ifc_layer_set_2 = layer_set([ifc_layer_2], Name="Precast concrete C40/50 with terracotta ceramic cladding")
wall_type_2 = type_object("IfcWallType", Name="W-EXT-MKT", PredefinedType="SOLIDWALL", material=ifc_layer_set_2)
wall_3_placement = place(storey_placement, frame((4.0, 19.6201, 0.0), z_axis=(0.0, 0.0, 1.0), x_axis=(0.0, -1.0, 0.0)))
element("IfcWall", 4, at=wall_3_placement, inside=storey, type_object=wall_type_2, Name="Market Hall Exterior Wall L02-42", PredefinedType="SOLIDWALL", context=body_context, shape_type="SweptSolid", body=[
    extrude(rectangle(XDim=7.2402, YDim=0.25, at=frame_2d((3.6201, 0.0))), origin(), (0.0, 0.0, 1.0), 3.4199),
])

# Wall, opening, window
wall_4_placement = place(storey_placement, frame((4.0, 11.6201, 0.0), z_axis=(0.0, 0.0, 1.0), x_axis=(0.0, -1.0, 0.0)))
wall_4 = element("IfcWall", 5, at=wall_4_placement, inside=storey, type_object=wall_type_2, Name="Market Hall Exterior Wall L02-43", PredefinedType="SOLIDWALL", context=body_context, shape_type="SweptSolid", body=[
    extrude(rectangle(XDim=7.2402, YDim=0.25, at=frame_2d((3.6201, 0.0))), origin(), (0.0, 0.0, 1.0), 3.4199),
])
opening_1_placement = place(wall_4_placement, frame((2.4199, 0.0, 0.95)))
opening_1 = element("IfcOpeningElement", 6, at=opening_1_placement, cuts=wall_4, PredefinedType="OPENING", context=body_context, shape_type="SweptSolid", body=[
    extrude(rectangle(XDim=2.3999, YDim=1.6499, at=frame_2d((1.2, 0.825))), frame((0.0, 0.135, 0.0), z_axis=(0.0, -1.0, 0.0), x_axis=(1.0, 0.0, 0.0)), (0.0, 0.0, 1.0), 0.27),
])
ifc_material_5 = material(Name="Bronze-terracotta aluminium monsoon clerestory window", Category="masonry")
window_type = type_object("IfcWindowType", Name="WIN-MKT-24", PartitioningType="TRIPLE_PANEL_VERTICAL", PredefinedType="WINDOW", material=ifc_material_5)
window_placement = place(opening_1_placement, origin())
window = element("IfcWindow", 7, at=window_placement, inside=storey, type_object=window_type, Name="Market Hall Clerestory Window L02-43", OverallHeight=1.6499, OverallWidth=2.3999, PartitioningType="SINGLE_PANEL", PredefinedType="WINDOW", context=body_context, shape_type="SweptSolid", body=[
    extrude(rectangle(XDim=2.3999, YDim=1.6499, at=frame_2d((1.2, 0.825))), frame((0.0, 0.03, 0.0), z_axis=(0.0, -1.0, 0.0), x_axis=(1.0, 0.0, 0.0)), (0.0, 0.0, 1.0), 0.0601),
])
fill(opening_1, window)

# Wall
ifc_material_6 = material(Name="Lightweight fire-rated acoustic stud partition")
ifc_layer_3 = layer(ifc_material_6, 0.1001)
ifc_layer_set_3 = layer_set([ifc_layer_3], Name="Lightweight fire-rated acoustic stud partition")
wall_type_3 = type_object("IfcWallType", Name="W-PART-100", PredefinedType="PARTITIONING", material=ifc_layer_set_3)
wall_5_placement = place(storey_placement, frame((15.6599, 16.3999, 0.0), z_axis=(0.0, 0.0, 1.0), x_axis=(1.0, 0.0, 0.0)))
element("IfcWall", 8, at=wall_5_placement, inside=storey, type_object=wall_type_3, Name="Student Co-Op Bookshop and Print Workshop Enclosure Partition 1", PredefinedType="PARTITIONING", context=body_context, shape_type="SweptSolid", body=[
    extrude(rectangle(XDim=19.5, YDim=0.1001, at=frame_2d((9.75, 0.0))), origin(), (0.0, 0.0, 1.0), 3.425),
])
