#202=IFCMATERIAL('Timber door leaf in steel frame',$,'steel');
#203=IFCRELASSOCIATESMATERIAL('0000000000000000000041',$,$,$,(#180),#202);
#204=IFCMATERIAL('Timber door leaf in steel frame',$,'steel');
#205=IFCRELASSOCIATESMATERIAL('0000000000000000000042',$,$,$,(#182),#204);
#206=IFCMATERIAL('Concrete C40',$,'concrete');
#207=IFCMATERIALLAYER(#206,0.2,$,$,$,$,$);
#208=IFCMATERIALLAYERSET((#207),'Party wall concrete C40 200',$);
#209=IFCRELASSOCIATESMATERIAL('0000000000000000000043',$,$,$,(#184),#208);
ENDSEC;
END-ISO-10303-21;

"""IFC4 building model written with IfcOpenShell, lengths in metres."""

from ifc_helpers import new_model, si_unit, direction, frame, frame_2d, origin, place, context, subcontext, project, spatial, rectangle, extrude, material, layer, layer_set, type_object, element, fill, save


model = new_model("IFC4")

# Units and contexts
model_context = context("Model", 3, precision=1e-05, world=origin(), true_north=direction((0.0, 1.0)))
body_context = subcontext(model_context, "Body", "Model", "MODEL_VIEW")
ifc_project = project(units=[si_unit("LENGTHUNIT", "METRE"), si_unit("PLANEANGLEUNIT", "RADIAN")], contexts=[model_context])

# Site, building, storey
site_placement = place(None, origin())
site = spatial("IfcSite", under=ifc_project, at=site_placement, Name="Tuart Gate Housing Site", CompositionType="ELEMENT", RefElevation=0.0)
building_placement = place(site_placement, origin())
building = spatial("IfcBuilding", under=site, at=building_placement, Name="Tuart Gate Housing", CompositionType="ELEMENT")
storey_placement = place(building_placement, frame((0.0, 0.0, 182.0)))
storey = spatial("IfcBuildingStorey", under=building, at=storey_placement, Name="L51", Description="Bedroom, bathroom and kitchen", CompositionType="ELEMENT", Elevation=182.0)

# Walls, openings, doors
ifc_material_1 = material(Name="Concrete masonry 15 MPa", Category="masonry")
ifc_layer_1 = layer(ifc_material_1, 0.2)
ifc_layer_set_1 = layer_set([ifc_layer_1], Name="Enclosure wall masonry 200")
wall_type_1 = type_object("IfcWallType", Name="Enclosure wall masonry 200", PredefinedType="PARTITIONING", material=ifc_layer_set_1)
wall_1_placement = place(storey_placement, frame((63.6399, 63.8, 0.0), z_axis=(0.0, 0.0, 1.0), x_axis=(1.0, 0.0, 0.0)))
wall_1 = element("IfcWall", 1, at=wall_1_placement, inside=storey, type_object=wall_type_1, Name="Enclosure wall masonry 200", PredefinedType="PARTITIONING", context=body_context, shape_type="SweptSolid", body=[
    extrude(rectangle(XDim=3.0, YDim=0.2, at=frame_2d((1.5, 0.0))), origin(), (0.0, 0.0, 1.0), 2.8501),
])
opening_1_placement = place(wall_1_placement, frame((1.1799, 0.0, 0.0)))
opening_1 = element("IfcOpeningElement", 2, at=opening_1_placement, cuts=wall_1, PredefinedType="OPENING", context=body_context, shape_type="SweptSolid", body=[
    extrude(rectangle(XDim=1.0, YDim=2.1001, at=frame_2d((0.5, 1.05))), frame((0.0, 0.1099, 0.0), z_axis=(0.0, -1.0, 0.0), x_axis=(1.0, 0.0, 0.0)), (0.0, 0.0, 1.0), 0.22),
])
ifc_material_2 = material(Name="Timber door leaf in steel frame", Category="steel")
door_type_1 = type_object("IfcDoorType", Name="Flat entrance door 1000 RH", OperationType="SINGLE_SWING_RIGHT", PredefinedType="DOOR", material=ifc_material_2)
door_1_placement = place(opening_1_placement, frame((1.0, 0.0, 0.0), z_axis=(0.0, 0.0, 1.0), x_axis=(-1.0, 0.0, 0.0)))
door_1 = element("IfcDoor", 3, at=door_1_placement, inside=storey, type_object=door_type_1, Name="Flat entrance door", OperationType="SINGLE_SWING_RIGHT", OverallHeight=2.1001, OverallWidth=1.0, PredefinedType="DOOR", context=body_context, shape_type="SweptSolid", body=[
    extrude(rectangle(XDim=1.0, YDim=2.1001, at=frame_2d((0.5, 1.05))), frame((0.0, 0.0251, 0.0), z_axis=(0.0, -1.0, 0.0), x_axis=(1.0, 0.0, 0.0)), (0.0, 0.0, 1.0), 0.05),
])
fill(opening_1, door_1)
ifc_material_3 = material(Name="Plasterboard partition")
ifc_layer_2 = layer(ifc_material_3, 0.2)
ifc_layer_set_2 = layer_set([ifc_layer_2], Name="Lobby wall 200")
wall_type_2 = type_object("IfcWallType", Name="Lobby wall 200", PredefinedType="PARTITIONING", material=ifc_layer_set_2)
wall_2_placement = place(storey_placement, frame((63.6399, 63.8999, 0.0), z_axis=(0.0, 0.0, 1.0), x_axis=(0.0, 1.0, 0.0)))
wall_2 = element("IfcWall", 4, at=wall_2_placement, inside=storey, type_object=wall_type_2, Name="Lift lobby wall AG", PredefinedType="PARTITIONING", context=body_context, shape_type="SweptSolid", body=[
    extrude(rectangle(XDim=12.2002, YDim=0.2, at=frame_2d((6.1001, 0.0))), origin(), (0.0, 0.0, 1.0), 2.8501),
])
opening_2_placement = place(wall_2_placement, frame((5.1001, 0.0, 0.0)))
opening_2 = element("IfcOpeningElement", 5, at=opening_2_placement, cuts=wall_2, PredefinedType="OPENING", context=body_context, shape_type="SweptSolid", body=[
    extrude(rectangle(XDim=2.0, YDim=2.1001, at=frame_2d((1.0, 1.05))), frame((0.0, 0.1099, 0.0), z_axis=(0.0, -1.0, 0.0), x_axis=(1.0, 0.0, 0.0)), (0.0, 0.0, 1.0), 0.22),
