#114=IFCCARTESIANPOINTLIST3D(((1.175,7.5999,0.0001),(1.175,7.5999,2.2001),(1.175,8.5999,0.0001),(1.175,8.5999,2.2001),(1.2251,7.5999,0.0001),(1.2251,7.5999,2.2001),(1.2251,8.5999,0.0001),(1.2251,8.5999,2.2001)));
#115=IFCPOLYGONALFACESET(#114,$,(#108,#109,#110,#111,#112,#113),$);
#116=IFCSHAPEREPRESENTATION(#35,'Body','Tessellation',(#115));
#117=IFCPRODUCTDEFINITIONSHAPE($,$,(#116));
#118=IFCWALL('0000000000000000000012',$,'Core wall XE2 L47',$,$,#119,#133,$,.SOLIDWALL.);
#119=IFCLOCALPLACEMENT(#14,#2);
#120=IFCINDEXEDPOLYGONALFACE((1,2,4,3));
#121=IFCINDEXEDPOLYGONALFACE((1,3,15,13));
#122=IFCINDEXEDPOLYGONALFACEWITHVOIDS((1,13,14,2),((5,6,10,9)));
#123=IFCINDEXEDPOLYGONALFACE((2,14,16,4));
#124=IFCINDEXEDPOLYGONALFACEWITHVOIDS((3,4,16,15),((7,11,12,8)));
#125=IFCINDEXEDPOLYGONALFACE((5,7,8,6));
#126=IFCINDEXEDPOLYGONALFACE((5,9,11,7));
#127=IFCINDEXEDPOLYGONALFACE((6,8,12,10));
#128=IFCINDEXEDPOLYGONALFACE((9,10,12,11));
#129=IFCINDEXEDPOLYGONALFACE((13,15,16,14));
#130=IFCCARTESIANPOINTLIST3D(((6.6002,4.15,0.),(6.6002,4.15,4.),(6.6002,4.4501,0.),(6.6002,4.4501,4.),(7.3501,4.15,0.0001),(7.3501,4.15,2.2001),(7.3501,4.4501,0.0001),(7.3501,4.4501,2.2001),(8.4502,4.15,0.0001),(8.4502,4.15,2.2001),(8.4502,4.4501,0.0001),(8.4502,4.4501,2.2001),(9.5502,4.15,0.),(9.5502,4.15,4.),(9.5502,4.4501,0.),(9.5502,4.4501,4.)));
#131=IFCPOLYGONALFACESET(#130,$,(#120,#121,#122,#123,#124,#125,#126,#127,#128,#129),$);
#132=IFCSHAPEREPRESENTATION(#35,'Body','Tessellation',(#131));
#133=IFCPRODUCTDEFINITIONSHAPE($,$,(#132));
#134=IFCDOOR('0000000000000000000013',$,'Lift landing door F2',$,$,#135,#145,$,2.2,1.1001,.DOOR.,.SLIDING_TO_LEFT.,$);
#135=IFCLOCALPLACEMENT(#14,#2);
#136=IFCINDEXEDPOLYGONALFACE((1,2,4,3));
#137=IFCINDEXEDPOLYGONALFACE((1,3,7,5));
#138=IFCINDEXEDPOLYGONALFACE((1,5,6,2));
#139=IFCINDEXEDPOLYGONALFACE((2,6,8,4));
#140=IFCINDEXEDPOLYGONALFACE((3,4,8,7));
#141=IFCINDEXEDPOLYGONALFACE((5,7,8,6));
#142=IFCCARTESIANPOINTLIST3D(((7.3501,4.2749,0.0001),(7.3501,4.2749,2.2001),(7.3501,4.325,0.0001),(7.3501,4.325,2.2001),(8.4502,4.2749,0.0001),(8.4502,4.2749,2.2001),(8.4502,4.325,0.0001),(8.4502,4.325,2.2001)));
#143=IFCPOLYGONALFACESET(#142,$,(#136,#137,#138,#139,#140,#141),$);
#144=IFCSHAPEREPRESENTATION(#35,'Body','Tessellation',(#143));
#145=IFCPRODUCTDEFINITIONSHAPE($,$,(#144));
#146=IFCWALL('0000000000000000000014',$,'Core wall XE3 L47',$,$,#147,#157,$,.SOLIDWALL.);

◆ **Task directions**
Restate word for word the lines of the data above, starting at the line containing "frame((0.0, 0.0, 182.0)))" and ending at the line containing "x_axis=(-1.0, 0.0, 0.0)))", both included, and nothing more.

◆ **Answer to this problem**
storey_placement = place(building_placement, frame((0.0, 0.0, 182.0)))
storey = spatial("IfcBuildingStorey", under=building, at=storey_placement, Name="L51", Description="Bedroom, bathroom and kitchen", CompositionType="ELEMENT", Elevation=182.0)

# Walls, openings, doors
ifc_material_1 = material(Name="Concrete masonry 15 MPa", Category="masonry")
ifc_layer_1 = layer(ifc_material_1, 0.2)
ifc_layer_set_1 = layer_set([ifc_layer_1], Name="Enclosure wall masonry 200")
wall_type_1 = type_object("IfcWallType", Name="Enclosure wall masonry 200", PredefinedType="PARTITIONING", material=ifc_layer_set_1)
wall_1_placement = place(storey_placement, frame((63.6399, 63.8, 0.0), z_axis=(0.0, 0.0, 1.0), x_axis=(1.0, 0.0, 0.0)))
wall_1 = element("IfcWall", 1, at=wall_1_placement, inside=storey, type_object=wall_type_1, Name="Enclosure wall masonry 200", PredefinedType="PARTITIONING", context=body_context, shape_type="SweptSolid", body=[
    extrude(rectangle(XDim=3.0, YDim=0.2, at=frame_2d((1.5, 0.0))), origin(), (0.0, 0.0, 1.0), 2.8501),
])
opening_1_placement = place(wall_1_placement, frame((1.1799, 0.0, 0.0)))
opening_1 = element("IfcOpeningElement", 2, at=opening_1_placement, cuts=wall_1, PredefinedType="OPENING", context=body_context, shape_type="SweptSolid", body=[
    extrude(rectangle(XDim=1.0, YDim=2.1001, at=frame_2d((0.5, 1.05))), frame((0.0, 0.1099, 0.0), z_axis=(0.0, -1.0, 0.0), x_axis=(1.0, 0.0, 0.0)), (0.0, 0.0, 1.0), 0.22),
])
ifc_material_2 = material(Name="Timber door leaf in steel frame", Category="steel")
door_type_1 = type_object("IfcDoorType", Name="Flat entrance door 1000 RH", OperationType="SINGLE_SWING_RIGHT", PredefinedType="DOOR", material=ifc_material_2)
door_1_placement = place(opening_1_placement, frame((1.0, 0.0, 0.0), z_axis=(0.0, 0.0, 1.0), x_axis=(-1.0, 0.0, 0.0)))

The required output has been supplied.